WHAT TO WORK ON — Take the entries below and print, exactly, the stretch from the line containing "21.3037, 0.0), z_axis=(0.0, 0.0, 1.0), x_axis=(0.0, -1.0, 0.0)))" through the line containing "16.8674, 0.0), z_axis=(0.0, 0.0, 1.0), x_axis=(0.0, -1.0, 0.0)))", both included.

-------- RECORDS SHOWN --------

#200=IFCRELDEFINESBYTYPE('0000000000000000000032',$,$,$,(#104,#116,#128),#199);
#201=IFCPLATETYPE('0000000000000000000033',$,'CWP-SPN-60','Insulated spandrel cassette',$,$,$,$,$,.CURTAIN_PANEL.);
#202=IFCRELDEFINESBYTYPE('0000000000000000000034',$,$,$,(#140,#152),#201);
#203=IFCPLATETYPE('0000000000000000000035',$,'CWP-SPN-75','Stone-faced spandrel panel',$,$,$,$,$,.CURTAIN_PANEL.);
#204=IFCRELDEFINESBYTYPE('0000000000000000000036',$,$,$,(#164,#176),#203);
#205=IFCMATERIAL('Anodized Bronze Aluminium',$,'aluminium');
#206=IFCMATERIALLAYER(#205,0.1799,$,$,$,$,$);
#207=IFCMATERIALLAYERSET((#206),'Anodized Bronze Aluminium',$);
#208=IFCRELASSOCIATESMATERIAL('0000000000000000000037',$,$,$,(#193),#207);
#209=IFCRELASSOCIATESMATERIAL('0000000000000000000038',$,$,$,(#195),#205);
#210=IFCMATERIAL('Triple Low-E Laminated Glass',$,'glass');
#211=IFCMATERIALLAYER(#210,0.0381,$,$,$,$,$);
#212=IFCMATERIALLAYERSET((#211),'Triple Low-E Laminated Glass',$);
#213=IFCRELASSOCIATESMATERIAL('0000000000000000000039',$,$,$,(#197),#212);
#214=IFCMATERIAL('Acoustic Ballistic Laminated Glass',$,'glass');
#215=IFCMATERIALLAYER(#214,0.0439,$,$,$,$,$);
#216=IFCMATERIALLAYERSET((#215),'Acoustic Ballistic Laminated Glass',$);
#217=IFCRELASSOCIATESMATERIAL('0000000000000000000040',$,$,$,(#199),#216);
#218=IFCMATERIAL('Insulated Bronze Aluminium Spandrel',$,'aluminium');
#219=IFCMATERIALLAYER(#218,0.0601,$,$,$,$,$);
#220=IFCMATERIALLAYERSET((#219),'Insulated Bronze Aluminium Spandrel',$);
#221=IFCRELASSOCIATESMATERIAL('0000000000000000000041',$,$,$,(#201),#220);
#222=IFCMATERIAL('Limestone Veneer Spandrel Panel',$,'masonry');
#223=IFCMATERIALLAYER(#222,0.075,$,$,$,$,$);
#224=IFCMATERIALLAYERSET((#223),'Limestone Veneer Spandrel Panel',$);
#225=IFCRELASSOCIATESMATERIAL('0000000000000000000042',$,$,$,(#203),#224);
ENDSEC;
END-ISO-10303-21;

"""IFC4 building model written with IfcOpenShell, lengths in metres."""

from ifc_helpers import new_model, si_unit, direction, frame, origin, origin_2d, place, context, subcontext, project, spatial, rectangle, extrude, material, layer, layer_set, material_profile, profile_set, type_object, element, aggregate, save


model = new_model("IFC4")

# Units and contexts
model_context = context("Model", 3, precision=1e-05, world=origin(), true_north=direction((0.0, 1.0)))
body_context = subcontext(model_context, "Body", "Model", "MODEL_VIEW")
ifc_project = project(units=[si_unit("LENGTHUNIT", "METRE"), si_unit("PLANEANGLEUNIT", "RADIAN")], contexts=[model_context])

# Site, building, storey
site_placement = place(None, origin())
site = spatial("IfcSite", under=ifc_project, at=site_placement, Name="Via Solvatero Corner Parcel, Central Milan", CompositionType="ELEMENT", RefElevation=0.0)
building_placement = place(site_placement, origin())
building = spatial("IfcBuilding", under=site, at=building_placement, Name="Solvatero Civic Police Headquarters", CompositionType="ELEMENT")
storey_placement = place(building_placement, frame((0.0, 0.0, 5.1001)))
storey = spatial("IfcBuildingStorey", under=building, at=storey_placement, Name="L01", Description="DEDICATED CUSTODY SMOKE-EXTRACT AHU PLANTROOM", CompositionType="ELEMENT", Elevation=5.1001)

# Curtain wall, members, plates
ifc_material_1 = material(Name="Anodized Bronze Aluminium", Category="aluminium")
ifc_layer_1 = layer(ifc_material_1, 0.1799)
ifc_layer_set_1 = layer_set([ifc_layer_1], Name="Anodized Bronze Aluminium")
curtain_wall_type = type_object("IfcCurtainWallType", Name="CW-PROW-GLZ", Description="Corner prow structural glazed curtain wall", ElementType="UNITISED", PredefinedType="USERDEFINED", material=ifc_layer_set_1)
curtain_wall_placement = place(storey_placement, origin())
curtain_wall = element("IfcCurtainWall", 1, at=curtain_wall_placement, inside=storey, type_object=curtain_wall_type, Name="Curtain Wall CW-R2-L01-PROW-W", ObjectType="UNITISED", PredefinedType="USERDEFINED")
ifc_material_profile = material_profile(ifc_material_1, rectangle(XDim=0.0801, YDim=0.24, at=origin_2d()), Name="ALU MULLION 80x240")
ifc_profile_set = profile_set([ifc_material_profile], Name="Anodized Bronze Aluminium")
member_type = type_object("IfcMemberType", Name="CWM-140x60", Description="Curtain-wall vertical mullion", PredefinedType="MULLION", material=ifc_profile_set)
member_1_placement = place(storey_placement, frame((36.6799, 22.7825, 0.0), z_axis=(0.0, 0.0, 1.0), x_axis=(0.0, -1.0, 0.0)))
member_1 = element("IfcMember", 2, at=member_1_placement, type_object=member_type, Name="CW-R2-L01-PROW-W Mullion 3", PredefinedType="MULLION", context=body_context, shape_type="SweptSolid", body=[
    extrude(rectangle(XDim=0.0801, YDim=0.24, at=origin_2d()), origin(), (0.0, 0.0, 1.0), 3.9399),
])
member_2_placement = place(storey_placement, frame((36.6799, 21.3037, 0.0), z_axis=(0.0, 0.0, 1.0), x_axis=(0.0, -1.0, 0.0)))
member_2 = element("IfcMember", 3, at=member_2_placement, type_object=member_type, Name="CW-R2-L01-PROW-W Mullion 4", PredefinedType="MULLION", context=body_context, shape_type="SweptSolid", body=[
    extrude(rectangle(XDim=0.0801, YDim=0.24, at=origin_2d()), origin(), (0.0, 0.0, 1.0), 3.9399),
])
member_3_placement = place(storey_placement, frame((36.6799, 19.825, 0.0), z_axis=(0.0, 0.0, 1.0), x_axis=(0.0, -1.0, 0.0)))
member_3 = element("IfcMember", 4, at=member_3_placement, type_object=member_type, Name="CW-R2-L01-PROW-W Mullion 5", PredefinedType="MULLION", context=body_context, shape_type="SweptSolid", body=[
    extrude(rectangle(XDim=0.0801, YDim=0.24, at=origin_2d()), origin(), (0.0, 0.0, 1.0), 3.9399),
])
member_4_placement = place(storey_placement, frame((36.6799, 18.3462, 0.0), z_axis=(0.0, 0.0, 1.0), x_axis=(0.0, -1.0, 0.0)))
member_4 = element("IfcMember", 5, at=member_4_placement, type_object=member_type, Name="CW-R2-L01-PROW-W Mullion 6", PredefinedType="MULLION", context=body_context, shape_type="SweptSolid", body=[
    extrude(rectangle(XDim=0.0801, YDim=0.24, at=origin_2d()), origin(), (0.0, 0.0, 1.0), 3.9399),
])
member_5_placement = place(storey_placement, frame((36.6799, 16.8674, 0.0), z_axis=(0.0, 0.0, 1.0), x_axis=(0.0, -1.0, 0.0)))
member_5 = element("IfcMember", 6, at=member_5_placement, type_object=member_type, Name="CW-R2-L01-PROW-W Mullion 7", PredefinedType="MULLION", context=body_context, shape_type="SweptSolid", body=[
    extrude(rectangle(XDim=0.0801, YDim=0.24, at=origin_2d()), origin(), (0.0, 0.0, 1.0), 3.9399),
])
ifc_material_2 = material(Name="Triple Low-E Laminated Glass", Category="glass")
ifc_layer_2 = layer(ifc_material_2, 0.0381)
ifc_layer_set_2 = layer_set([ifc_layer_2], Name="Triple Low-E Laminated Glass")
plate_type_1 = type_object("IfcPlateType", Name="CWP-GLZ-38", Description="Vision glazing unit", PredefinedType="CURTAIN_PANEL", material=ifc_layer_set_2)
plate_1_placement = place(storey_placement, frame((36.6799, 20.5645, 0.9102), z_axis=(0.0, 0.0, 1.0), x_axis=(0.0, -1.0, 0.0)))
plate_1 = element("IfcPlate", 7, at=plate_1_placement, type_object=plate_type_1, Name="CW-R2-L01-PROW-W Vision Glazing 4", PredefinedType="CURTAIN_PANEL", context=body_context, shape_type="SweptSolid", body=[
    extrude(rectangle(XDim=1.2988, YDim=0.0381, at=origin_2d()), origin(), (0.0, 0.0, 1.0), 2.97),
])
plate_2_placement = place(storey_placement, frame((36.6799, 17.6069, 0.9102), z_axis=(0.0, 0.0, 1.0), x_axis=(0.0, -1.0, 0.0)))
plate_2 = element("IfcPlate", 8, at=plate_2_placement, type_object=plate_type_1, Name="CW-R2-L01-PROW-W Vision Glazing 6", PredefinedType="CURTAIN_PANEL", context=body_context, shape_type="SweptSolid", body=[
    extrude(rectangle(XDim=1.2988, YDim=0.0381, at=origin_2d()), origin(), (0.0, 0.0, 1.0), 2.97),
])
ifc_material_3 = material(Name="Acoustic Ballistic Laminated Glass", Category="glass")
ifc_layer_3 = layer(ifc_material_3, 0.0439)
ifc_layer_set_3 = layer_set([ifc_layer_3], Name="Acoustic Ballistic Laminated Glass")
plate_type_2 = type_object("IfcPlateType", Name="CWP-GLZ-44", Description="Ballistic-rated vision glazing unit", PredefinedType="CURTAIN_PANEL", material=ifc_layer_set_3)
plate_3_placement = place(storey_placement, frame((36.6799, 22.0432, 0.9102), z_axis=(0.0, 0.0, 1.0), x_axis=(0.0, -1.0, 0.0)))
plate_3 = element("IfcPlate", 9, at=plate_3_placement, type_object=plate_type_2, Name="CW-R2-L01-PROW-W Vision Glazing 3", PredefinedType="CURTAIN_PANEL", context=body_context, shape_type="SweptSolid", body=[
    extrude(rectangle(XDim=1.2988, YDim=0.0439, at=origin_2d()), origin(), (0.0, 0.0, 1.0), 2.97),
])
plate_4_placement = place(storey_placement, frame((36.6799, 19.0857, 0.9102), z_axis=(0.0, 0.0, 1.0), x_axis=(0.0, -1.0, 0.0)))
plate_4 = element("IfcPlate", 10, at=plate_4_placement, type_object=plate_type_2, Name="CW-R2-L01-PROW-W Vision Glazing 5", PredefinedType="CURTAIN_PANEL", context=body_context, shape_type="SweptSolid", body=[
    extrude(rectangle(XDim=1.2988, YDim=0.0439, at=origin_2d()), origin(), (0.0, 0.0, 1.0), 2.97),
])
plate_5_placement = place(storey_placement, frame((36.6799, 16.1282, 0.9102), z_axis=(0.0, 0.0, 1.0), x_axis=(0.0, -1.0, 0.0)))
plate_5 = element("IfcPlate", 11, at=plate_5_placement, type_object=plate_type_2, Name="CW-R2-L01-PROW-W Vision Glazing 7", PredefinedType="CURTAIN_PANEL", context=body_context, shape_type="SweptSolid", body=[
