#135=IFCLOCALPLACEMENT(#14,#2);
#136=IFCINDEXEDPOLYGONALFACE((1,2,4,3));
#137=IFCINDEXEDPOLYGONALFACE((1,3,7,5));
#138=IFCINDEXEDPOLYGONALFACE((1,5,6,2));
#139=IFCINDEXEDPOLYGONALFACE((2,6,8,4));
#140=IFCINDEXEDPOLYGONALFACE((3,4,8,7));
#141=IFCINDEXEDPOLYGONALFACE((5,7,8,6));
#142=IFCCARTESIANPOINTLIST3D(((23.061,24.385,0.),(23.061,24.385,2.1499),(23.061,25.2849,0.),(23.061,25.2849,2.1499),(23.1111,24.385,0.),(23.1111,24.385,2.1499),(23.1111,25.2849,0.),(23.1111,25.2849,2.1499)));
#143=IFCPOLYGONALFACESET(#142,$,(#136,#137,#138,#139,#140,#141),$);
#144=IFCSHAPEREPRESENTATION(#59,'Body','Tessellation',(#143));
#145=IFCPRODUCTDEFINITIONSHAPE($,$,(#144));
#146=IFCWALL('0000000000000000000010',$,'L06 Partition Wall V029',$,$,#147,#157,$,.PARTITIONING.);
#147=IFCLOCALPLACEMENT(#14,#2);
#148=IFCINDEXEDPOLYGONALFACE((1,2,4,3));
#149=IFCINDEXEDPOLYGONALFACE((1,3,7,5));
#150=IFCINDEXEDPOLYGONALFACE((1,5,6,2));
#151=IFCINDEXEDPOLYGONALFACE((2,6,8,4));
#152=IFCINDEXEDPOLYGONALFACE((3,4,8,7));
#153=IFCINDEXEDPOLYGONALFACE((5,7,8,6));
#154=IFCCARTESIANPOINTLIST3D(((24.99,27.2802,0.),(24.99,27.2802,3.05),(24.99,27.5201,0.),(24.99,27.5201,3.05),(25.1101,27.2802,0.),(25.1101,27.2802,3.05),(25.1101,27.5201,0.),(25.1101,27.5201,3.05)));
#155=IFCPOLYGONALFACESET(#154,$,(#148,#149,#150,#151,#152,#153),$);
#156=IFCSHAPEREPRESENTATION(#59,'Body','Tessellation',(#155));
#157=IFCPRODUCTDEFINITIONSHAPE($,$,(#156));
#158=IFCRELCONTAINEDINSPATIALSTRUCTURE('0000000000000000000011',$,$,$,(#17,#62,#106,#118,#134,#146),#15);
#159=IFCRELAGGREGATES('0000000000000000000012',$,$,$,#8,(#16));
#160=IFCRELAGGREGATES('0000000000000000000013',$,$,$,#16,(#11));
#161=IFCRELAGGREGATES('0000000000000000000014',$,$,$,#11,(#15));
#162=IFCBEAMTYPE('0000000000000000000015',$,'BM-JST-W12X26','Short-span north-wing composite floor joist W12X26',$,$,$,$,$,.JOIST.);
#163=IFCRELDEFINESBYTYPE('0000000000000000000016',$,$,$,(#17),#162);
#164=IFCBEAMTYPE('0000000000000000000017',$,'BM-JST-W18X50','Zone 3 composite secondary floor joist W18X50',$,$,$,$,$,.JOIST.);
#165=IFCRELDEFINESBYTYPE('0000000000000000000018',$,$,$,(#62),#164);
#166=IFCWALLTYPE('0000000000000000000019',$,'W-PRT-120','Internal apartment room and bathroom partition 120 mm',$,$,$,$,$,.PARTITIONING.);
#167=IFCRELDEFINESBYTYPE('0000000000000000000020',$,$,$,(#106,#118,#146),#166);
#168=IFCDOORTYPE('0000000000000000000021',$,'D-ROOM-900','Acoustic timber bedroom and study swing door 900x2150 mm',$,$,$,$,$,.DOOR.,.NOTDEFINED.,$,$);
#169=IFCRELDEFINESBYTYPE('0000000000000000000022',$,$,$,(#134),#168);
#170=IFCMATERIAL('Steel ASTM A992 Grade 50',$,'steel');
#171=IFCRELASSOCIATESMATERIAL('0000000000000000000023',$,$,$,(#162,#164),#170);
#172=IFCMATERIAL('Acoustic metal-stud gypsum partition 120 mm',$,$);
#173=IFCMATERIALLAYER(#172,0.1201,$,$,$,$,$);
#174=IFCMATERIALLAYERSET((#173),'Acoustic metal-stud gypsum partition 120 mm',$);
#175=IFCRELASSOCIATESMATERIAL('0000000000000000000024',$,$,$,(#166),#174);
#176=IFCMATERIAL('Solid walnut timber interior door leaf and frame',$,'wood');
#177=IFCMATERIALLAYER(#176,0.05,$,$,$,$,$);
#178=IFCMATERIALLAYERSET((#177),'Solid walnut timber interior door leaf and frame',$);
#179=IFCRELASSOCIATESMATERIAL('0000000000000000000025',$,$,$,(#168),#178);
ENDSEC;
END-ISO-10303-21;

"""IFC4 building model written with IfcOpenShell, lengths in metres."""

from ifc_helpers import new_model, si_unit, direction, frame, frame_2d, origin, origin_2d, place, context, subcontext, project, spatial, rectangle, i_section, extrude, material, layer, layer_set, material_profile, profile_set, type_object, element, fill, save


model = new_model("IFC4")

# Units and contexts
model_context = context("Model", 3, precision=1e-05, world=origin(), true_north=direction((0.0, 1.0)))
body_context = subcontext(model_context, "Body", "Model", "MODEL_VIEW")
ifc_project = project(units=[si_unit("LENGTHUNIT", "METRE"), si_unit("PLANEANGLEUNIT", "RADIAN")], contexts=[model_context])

--------

FINISHED TASK —
member_2_placement = place(storey_placement, frame((36.6799, 21.3037, 0.0), z_axis=(0.0, 0.0, 1.0), x_axis=(0.0, -1.0, 0.0)))
member_2 = element("IfcMember", 3, at=member_2_placement, type_object=member_type, Name="CW-R2-L01-PROW-W Mullion 4", PredefinedType="MULLION", context=body_context, shape_type="SweptSolid", body=[
    extrude(rectangle(XDim=0.0801, YDim=0.24, at=origin_2d()), origin(), (0.0, 0.0, 1.0), 3.9399),
])
member_3_placement = place(storey_placement, frame((36.6799, 19.825, 0.0), z_axis=(0.0, 0.0, 1.0), x_axis=(0.0, -1.0, 0.0)))
member_3 = element("IfcMember", 4, at=member_3_placement, type_object=member_type, Name="CW-R2-L01-PROW-W Mullion 5", PredefinedType="MULLION", context=body_context, shape_type="SweptSolid", body=[
    extrude(rectangle(XDim=0.0801, YDim=0.24, at=origin_2d()), origin(), (0.0, 0.0, 1.0), 3.9399),
])
member_4_placement = place(storey_placement, frame((36.6799, 18.3462, 0.0), z_axis=(0.0, 0.0, 1.0), x_axis=(0.0, -1.0, 0.0)))
member_4 = element("IfcMember", 5, at=member_4_placement, type_object=member_type, Name="CW-R2-L01-PROW-W Mullion 6", PredefinedType="MULLION", context=body_context, shape_type="SweptSolid", body=[
    extrude(rectangle(XDim=0.0801, YDim=0.24, at=origin_2d()), origin(), (0.0, 0.0, 1.0), 3.9399),
])
member_5_placement = place(storey_placement, frame((36.6799, 16.8674, 0.0), z_axis=(0.0, 0.0, 1.0), x_axis=(0.0, -1.0, 0.0)))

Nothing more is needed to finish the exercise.